== Task material ==
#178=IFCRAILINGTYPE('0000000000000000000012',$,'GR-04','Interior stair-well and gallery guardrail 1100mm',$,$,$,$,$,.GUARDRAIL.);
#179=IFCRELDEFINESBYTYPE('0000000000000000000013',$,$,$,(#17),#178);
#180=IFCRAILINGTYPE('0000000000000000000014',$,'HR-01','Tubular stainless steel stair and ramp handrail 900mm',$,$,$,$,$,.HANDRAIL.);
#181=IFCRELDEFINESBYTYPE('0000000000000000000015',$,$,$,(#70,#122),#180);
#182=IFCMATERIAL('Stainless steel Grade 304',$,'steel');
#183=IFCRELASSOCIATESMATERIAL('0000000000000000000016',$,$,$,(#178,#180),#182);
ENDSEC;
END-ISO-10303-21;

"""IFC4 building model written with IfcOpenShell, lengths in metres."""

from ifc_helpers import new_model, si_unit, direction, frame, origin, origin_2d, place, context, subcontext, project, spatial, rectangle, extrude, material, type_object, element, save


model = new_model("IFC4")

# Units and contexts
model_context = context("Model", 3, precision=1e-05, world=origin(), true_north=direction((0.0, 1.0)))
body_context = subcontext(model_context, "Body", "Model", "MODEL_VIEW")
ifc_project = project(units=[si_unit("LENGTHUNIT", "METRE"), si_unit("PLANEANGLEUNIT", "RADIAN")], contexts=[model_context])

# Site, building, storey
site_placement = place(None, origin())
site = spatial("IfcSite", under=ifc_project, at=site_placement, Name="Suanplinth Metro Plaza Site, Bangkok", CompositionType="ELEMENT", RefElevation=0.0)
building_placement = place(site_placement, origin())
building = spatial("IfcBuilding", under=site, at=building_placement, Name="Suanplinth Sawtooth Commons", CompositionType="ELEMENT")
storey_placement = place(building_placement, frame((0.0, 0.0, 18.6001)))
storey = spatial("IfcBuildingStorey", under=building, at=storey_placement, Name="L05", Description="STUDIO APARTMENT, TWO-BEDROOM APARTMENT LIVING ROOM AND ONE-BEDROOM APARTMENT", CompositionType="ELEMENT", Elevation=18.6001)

== Problem description ==
Would you please transcribe the lines above exactly, starting with the first line of the material and ending with the line that has "world=origin(), true_north=direction((0.0, 1.0)))"?

== Reply to the task ==
#178=IFCRAILINGTYPE('0000000000000000000012',$,'GR-04','Interior stair-well and gallery guardrail 1100mm',$,$,$,$,$,.GUARDRAIL.);
#179=IFCRELDEFINESBYTYPE('0000000000000000000013',$,$,$,(#17),#178);
#180=IFCRAILINGTYPE('0000000000000000000014',$,'HR-01','Tubular stainless steel stair and ramp handrail 900mm',$,$,$,$,$,.HANDRAIL.);
#181=IFCRELDEFINESBYTYPE('0000000000000000000015',$,$,$,(#70,#122),#180);
#182=IFCMATERIAL('Stainless steel Grade 304',$,'steel');
#183=IFCRELASSOCIATESMATERIAL('0000000000000000000016',$,$,$,(#178,#180),#182);
ENDSEC;
END-ISO-10303-21;

"""IFC4 building model written with IfcOpenShell, lengths in metres."""

from ifc_helpers import new_model, si_unit, direction, frame, origin, origin_2d, place, context, subcontext, project, spatial, rectangle, extrude, material, type_object, element, save


model = new_model("IFC4")

# Units and contexts
model_context = context("Model", 3, precision=1e-05, world=origin(), true_north=direction((0.0, 1.0)))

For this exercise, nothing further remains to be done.